• ASSIGNMENT
Quote exactly and only this range of lines in the data below: the line that holds "#107=IFCINDEXEDPOLYGONALFACE((2,6,8,4));" to the line that holds "#113=IFCPRODUCTDEFINITIONSHAPE($,$,(#112));", both included.

** GIVEN RECORDS follows **

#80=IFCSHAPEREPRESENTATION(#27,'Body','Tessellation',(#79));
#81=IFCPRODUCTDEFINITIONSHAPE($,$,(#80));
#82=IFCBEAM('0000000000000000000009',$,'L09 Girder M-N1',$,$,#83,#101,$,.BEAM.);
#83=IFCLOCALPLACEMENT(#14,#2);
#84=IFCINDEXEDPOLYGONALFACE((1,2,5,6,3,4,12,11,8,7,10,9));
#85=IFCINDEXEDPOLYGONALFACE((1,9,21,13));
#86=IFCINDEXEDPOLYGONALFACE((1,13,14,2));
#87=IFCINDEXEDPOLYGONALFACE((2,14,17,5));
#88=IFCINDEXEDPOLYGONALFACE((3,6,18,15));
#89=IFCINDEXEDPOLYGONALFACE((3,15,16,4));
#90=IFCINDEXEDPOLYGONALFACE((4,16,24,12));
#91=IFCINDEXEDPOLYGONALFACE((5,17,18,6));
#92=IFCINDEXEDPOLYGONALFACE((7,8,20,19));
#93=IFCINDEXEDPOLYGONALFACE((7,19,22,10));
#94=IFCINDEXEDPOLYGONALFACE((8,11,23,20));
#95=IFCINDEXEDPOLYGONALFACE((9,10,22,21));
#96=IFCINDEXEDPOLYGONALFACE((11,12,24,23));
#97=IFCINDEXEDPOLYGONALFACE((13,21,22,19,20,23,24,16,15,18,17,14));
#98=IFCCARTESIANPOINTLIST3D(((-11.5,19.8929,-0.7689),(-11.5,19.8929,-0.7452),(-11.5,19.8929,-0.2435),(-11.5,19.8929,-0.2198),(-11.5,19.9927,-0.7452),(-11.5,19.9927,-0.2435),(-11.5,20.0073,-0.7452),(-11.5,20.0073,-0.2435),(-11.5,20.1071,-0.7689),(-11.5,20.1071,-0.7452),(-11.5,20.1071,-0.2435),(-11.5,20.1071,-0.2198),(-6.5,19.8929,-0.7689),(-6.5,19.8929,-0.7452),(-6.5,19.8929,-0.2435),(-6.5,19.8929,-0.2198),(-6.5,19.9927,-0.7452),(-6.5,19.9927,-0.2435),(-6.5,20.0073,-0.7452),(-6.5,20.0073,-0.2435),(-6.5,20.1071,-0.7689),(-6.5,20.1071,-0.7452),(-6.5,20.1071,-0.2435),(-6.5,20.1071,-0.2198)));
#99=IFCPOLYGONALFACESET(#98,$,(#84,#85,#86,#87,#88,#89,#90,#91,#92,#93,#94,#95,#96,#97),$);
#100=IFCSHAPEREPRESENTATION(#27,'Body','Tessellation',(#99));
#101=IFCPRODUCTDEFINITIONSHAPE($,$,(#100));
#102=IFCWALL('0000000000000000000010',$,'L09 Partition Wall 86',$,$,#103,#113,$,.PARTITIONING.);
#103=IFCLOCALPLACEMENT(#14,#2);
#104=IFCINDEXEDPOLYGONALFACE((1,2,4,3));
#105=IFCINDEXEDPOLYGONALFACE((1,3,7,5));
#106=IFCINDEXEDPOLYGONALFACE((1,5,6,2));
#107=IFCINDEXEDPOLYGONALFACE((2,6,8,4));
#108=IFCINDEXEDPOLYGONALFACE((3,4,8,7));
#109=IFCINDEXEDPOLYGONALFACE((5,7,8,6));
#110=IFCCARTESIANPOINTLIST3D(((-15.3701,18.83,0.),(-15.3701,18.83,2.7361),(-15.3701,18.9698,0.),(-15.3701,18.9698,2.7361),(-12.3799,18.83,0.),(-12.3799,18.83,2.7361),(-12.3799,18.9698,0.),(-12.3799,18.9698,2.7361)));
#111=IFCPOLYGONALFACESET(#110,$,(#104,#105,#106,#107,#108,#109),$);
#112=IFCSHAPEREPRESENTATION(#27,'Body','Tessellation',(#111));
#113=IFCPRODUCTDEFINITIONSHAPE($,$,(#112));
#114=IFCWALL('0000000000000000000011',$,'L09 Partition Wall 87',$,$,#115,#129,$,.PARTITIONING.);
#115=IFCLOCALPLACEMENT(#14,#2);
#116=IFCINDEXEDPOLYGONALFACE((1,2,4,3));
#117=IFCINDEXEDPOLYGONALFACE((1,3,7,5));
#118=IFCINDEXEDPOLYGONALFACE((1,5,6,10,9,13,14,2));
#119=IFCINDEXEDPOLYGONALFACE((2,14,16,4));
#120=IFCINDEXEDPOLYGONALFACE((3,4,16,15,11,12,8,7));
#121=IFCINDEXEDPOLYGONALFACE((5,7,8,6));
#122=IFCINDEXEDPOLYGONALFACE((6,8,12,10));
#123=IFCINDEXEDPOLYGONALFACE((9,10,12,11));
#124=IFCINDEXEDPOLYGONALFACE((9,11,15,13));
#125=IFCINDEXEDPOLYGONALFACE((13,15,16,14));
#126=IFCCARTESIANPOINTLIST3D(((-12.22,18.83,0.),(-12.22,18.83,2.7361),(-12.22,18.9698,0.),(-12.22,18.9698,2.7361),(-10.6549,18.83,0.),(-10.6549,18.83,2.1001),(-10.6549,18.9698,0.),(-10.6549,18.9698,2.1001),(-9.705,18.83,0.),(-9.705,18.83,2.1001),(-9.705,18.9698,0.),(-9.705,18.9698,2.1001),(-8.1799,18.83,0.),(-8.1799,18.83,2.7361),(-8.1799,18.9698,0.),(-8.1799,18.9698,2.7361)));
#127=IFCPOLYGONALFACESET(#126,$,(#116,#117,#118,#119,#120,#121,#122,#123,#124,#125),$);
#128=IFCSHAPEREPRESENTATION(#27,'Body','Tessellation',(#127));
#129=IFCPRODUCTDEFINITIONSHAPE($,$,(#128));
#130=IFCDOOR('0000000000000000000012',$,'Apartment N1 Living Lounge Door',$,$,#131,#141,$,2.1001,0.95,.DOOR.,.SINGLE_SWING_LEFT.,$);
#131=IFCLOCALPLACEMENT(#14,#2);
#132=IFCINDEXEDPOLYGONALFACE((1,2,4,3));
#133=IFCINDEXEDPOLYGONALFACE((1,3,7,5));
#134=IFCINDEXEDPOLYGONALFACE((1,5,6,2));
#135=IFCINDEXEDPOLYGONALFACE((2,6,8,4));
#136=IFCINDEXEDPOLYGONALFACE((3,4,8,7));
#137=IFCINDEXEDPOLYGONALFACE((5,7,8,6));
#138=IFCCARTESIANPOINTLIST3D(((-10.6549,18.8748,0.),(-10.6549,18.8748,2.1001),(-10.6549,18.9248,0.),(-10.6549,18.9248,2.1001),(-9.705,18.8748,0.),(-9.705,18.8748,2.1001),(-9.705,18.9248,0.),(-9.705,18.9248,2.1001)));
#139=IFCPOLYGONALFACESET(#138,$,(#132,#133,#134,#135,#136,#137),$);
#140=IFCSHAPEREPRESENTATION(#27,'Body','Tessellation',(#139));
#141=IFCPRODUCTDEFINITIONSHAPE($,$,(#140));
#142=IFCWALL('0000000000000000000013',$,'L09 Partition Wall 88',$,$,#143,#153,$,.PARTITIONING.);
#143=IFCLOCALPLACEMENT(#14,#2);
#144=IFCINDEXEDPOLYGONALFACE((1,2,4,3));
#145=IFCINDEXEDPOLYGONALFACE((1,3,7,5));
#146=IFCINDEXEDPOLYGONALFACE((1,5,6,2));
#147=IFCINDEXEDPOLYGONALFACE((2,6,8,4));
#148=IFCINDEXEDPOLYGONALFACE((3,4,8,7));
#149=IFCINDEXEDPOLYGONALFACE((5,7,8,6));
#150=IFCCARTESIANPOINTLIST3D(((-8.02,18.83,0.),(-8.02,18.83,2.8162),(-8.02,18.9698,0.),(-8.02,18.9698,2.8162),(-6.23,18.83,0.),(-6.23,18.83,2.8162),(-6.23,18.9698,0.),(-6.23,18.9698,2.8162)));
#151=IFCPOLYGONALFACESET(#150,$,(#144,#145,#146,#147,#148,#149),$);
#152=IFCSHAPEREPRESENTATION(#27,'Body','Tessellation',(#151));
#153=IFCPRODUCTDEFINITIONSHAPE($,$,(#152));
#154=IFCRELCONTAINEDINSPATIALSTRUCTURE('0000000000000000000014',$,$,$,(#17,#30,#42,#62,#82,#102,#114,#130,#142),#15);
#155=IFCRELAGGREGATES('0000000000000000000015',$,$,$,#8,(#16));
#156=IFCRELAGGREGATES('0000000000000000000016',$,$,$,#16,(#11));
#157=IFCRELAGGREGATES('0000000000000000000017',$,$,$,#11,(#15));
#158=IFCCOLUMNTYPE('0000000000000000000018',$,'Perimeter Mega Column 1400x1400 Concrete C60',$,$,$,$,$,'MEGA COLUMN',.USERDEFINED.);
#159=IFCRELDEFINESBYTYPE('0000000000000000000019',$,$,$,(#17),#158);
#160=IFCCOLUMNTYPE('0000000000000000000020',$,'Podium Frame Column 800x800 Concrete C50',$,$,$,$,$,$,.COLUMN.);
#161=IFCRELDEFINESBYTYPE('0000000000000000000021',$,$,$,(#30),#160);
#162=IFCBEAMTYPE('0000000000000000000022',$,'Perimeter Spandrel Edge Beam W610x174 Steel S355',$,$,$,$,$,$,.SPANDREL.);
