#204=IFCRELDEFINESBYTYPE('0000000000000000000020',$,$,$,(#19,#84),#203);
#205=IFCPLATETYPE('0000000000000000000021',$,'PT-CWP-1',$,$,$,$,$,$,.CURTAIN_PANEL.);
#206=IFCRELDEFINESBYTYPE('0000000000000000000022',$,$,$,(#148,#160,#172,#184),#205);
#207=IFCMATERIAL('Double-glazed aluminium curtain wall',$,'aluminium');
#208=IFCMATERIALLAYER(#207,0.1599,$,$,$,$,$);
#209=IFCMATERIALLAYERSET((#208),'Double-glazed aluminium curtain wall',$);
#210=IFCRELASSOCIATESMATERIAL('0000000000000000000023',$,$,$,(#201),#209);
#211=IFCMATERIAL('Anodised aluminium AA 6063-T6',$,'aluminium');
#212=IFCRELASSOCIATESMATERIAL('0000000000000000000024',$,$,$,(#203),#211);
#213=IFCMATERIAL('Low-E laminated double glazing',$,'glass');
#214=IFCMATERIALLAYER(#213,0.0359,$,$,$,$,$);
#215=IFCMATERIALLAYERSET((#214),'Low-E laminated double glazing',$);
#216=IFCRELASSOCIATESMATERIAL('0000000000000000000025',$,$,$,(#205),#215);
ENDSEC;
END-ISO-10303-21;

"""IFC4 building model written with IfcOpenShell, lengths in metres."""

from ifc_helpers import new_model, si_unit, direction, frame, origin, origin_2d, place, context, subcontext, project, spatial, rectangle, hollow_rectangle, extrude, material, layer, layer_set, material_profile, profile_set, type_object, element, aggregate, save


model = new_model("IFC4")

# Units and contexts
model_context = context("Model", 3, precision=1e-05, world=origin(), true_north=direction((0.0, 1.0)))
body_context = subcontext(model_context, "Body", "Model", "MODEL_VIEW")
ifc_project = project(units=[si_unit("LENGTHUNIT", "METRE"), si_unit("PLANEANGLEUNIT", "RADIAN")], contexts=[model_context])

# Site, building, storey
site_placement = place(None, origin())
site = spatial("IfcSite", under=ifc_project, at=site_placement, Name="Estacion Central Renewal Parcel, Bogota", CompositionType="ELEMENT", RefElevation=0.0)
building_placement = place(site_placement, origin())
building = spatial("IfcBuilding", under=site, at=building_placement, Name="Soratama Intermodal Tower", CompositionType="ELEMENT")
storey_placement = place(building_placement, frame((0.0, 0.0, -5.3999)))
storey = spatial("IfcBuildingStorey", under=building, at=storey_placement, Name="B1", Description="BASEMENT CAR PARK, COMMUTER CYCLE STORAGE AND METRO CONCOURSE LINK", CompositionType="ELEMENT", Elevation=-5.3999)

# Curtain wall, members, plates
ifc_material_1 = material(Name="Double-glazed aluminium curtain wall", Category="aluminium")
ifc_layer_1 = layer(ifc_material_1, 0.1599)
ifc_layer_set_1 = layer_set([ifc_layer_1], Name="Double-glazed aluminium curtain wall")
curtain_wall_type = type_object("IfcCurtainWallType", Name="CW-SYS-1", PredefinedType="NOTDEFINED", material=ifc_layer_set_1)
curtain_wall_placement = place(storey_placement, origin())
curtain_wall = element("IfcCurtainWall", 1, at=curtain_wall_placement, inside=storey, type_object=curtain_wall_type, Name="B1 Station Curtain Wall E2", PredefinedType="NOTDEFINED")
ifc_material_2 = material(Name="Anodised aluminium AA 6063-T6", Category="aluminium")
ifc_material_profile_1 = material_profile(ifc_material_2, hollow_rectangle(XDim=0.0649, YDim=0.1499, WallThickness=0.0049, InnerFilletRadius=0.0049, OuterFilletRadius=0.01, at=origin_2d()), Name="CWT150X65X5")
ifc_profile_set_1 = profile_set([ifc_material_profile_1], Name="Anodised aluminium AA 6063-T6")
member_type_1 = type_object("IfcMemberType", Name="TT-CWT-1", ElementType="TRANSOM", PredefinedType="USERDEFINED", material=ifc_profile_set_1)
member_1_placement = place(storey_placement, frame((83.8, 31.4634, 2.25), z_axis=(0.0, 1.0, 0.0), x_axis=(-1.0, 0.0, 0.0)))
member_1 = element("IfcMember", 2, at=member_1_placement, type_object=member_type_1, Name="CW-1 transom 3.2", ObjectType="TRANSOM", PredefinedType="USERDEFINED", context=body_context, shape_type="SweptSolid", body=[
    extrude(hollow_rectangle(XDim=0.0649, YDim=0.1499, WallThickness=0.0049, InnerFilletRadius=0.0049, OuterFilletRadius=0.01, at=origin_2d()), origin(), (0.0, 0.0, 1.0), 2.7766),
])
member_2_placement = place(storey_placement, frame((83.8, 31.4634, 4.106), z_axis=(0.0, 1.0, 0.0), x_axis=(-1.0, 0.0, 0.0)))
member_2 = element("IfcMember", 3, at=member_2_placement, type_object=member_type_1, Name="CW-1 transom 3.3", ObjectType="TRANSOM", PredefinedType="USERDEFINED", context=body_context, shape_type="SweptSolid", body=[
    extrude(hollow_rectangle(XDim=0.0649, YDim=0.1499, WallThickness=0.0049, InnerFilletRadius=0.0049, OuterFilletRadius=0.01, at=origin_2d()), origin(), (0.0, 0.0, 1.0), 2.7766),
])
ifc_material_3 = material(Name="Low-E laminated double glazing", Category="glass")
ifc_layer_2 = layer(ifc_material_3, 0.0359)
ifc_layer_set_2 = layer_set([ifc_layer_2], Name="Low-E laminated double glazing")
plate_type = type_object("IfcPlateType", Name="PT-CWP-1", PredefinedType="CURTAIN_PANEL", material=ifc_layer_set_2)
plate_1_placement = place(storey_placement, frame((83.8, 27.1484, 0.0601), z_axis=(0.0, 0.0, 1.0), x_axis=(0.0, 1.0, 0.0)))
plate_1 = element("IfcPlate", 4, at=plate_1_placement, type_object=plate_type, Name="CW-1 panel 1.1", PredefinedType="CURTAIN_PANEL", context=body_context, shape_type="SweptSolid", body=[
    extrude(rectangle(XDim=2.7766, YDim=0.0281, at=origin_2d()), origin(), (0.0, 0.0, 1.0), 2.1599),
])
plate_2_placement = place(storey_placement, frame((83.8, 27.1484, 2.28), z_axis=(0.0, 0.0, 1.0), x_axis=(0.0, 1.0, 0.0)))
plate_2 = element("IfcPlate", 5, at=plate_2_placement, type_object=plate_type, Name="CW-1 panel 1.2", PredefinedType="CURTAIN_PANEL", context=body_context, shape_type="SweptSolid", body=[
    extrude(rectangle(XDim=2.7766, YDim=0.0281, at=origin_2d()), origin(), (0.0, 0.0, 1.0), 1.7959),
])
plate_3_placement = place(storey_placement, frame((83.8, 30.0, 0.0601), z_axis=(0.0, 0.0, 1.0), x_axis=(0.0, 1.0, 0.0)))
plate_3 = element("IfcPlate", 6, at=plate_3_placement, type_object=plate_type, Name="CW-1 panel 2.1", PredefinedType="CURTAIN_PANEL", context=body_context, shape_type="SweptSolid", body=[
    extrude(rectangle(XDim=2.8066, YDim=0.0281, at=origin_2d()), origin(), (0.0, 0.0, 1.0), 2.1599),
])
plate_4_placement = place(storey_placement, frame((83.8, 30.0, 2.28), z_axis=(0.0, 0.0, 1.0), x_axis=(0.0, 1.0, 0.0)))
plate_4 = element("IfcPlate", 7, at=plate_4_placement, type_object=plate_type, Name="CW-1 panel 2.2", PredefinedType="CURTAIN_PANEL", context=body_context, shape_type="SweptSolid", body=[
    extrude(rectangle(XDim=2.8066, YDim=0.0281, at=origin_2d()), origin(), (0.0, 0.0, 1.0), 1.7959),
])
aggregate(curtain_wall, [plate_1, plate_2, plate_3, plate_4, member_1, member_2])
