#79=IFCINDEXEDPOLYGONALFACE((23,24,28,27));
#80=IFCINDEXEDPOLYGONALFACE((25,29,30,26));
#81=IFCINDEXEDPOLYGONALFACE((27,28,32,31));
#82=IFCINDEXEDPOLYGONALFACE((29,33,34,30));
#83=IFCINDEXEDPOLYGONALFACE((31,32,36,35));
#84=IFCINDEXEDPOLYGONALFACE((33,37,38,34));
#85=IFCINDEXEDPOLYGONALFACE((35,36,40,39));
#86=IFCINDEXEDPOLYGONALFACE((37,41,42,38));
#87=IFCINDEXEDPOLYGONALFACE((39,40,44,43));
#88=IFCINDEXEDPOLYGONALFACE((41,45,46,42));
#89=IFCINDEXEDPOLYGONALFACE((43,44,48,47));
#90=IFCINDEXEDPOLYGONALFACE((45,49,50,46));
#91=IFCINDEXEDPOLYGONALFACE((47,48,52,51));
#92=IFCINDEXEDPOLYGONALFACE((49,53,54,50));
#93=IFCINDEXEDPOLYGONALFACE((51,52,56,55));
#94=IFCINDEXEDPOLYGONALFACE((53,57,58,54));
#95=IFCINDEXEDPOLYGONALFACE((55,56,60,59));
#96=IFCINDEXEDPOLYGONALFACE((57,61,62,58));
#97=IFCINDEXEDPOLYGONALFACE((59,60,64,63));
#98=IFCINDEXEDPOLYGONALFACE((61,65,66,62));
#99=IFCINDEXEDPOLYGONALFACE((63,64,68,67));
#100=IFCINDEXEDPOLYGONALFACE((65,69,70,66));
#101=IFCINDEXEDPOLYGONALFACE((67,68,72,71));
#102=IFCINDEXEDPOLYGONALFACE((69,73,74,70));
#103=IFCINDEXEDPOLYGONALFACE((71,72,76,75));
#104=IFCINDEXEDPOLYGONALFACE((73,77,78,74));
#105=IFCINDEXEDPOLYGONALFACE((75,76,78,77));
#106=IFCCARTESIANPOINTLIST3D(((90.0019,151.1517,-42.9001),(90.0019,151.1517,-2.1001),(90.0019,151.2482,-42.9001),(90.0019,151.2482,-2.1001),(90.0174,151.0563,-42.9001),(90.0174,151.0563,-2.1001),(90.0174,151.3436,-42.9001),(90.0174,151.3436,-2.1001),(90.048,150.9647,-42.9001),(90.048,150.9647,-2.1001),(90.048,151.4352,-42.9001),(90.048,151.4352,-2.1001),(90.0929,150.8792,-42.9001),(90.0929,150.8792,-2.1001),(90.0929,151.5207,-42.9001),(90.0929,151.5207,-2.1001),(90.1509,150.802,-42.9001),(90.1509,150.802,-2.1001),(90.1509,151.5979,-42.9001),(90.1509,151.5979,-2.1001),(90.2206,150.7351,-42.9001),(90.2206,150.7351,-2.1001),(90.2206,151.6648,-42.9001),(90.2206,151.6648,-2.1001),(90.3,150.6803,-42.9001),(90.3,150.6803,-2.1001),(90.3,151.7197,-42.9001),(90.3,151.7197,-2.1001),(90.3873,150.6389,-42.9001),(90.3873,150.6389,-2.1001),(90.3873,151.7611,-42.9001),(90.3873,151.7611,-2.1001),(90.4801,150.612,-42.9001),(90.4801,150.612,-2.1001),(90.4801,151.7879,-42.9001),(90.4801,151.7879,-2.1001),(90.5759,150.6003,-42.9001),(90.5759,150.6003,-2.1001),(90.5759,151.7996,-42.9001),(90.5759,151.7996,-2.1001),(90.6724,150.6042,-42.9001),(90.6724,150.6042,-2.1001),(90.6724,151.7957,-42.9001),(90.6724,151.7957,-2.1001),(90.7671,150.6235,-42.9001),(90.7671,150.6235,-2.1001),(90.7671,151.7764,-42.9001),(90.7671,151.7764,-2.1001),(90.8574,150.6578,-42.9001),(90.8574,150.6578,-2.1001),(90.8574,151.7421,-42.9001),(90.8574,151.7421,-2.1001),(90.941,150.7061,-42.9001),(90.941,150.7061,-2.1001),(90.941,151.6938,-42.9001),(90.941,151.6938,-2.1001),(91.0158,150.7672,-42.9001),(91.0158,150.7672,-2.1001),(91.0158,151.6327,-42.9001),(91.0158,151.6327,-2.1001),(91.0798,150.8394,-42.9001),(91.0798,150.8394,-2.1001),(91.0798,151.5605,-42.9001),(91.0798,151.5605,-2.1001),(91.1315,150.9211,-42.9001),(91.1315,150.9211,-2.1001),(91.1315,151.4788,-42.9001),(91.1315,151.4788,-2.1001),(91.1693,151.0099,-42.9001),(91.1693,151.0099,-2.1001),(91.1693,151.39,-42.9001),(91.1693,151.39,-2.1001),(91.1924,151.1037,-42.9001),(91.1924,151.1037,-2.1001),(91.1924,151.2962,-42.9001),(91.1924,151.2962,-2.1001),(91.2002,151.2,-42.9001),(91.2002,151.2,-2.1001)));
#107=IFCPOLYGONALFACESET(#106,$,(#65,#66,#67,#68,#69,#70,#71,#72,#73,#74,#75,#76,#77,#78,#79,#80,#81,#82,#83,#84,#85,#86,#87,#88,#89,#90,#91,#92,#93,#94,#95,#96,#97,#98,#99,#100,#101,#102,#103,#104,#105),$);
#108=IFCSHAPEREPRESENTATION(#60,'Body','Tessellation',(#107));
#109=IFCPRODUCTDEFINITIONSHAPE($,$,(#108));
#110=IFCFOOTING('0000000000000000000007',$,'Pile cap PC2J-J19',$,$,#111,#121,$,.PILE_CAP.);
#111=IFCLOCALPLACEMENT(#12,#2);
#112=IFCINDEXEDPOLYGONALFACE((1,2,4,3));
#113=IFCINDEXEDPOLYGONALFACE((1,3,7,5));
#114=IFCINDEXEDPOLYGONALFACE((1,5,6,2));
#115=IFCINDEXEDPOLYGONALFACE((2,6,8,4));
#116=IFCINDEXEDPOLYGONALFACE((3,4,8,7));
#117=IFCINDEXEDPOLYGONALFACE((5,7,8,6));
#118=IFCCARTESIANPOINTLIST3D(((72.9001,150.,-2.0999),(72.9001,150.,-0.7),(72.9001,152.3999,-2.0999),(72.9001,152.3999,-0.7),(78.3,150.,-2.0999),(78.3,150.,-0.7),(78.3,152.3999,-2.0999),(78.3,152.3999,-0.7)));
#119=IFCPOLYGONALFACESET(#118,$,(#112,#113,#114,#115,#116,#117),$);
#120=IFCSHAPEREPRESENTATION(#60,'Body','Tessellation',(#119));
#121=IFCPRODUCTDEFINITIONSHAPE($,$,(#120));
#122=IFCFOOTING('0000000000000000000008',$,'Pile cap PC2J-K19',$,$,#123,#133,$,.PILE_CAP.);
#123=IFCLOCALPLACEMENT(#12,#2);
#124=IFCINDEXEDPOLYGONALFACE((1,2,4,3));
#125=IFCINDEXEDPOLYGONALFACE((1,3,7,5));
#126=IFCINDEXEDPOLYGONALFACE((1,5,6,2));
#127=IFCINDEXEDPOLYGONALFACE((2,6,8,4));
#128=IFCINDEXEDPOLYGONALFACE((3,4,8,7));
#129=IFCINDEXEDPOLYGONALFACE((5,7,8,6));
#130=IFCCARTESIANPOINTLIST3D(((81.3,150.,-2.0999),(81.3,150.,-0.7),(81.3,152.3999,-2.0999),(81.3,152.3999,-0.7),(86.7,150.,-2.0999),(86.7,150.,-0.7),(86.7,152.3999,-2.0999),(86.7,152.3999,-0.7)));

** End of GIVEN RECORDS **

• RESULT OF THE EXERCISE
#107=IFCINDEXEDPOLYGONALFACE((2,6,8,4));
#108=IFCINDEXEDPOLYGONALFACE((3,4,8,7));
#109=IFCINDEXEDPOLYGONALFACE((5,7,8,6));
#110=IFCCARTESIANPOINTLIST3D(((-15.3701,18.83,0.),(-15.3701,18.83,2.7361),(-15.3701,18.9698,0.),(-15.3701,18.9698,2.7361),(-12.3799,18.83,0.),(-12.3799,18.83,2.7361),(-12.3799,18.9698,0.),(-12.3799,18.9698,2.7361)));
#111=IFCPOLYGONALFACESET(#110,$,(#104,#105,#106,#107,#108,#109),$);
#112=IFCSHAPEREPRESENTATION(#27,'Body','Tessellation',(#111));
#113=IFCPRODUCTDEFINITIONSHAPE($,$,(#112));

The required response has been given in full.